▶ [WHAT YOU HAVE TO DO] The stretch wanted below opens at the line containing "#217=IFCMATERIAL('Bronze anodised aluminium',$,'aluminium');" and closes at the line containing "from ifc_helpers import". Please return it exactly, with no other lines.

▶ [DATA SECTION]
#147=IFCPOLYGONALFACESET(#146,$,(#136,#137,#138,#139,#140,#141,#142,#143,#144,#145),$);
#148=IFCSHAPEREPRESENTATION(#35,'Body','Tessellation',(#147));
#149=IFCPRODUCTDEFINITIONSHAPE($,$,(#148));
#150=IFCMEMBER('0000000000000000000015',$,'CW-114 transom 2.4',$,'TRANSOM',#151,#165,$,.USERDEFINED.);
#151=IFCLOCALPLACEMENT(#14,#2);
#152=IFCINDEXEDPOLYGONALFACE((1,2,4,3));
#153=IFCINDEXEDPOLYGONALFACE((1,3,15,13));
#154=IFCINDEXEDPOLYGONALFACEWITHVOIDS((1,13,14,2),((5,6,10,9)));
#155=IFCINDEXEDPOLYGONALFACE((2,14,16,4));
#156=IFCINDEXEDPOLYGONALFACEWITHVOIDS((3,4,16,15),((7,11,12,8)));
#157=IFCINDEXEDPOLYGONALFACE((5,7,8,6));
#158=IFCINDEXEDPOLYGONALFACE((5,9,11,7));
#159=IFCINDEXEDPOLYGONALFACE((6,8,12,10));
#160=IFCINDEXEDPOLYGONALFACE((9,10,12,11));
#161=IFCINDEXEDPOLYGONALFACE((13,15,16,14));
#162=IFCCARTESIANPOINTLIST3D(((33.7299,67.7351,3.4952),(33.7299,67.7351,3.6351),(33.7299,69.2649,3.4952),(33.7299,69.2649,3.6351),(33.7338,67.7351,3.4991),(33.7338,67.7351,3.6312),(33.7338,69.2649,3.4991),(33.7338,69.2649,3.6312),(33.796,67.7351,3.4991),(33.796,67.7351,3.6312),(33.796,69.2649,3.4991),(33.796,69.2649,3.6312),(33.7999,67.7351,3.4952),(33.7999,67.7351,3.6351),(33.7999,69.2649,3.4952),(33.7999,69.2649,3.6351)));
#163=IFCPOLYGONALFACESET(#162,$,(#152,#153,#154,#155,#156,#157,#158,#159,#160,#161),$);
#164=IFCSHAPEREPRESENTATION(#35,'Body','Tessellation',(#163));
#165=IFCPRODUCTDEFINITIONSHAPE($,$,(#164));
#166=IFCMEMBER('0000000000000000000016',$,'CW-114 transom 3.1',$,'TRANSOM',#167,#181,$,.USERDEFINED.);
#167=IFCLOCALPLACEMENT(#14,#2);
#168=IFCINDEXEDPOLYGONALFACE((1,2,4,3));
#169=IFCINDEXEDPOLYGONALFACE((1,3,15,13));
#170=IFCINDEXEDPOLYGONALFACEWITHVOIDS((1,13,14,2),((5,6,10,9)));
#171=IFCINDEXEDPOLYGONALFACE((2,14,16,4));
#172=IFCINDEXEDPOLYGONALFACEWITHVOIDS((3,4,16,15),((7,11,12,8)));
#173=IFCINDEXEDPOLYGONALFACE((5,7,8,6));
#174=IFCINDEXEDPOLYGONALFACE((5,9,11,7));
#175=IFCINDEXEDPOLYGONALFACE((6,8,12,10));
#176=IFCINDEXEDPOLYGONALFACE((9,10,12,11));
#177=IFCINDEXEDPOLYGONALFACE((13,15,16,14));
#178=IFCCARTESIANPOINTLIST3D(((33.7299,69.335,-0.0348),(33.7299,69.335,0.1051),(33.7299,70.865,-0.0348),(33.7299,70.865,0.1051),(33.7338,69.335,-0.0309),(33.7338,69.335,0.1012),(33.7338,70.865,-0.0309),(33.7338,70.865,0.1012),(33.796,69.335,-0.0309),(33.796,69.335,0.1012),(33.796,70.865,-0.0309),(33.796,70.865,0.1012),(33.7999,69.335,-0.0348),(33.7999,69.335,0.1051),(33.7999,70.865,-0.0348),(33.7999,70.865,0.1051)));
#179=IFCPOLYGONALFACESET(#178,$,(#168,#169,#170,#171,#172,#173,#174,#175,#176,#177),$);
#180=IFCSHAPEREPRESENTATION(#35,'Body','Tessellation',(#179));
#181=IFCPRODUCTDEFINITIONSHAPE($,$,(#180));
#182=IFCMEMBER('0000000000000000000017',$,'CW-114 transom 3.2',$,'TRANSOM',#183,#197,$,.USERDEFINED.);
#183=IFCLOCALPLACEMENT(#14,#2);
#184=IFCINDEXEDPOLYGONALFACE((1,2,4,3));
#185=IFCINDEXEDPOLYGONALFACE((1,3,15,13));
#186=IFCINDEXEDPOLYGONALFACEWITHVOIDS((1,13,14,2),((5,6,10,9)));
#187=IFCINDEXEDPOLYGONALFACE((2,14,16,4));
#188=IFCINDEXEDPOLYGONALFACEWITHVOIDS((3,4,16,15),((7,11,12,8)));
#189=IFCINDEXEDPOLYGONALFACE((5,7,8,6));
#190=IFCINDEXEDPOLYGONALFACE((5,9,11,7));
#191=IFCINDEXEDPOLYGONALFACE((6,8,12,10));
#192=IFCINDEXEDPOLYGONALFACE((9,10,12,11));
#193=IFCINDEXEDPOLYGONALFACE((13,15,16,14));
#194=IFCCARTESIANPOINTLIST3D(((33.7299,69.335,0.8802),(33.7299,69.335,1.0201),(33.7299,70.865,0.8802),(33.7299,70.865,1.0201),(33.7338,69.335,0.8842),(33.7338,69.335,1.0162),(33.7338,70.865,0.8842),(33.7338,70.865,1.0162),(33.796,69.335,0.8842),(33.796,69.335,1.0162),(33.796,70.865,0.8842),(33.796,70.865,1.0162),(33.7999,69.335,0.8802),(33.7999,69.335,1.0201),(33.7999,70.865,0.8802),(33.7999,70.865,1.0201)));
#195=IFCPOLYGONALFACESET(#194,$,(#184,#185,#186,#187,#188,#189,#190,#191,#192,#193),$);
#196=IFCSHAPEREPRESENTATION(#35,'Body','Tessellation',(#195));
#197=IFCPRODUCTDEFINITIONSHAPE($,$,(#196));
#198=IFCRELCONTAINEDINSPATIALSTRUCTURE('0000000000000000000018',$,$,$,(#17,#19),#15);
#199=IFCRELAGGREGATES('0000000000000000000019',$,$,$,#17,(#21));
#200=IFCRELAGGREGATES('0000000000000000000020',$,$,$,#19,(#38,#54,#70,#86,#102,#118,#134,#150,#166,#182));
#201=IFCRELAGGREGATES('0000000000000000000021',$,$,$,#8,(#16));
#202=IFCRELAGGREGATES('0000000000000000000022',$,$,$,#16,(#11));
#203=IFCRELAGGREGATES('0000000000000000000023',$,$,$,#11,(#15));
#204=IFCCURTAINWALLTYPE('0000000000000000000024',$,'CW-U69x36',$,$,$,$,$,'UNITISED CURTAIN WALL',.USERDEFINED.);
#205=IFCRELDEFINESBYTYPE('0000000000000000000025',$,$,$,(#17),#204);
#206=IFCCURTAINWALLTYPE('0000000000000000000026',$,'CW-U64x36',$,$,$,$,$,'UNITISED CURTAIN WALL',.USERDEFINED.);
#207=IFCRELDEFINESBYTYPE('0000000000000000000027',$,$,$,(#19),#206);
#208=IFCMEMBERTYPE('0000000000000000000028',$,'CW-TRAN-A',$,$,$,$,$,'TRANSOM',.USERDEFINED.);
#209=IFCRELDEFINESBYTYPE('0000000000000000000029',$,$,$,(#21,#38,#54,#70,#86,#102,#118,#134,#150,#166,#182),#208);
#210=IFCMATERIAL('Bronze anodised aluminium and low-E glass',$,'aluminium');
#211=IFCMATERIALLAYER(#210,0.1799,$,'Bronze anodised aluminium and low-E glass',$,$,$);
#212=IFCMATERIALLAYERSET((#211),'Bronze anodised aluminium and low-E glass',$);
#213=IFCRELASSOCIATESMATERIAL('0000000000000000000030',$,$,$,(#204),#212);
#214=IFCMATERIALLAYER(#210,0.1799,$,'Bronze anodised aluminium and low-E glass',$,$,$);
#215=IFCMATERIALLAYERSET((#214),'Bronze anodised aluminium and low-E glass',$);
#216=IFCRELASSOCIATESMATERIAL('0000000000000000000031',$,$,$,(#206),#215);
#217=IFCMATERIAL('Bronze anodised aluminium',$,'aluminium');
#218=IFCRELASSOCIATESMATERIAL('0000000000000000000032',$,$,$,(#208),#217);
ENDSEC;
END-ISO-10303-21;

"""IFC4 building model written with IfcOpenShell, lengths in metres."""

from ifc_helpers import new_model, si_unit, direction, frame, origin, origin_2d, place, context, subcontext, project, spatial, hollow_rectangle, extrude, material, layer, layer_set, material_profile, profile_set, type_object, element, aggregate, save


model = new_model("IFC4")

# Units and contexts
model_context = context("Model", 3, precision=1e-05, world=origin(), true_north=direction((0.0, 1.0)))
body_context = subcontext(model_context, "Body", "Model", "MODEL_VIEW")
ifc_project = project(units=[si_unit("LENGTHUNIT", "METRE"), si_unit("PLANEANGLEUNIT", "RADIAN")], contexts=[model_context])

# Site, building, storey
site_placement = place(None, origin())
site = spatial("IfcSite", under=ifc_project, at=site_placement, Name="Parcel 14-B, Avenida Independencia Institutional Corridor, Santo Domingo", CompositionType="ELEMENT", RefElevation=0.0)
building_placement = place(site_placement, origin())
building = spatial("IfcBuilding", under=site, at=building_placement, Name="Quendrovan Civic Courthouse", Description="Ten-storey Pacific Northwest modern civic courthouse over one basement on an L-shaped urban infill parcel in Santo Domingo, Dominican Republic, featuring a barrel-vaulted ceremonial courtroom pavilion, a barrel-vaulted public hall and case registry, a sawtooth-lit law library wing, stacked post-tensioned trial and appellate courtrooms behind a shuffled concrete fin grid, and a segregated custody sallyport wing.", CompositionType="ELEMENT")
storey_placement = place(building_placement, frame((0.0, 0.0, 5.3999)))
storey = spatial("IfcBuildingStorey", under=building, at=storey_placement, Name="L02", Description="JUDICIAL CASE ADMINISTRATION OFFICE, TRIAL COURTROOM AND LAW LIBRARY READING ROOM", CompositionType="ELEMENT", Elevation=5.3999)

▶ [EXERCISE RESULT]
#217=IFCMATERIAL('Bronze anodised aluminium',$,'aluminium');
#218=IFCRELASSOCIATESMATERIAL('0000000000000000000032',$,$,$,(#208),#217);
ENDSEC;
END-ISO-10303-21;

"""IFC4 building model written with IfcOpenShell, lengths in metres."""

from ifc_helpers import new_model, si_unit, direction, frame, origin, origin_2d, place, context, subcontext, project, spatial, hollow_rectangle, extrude, material, layer, layer_set, material_profile, profile_set, type_object, element, aggregate, save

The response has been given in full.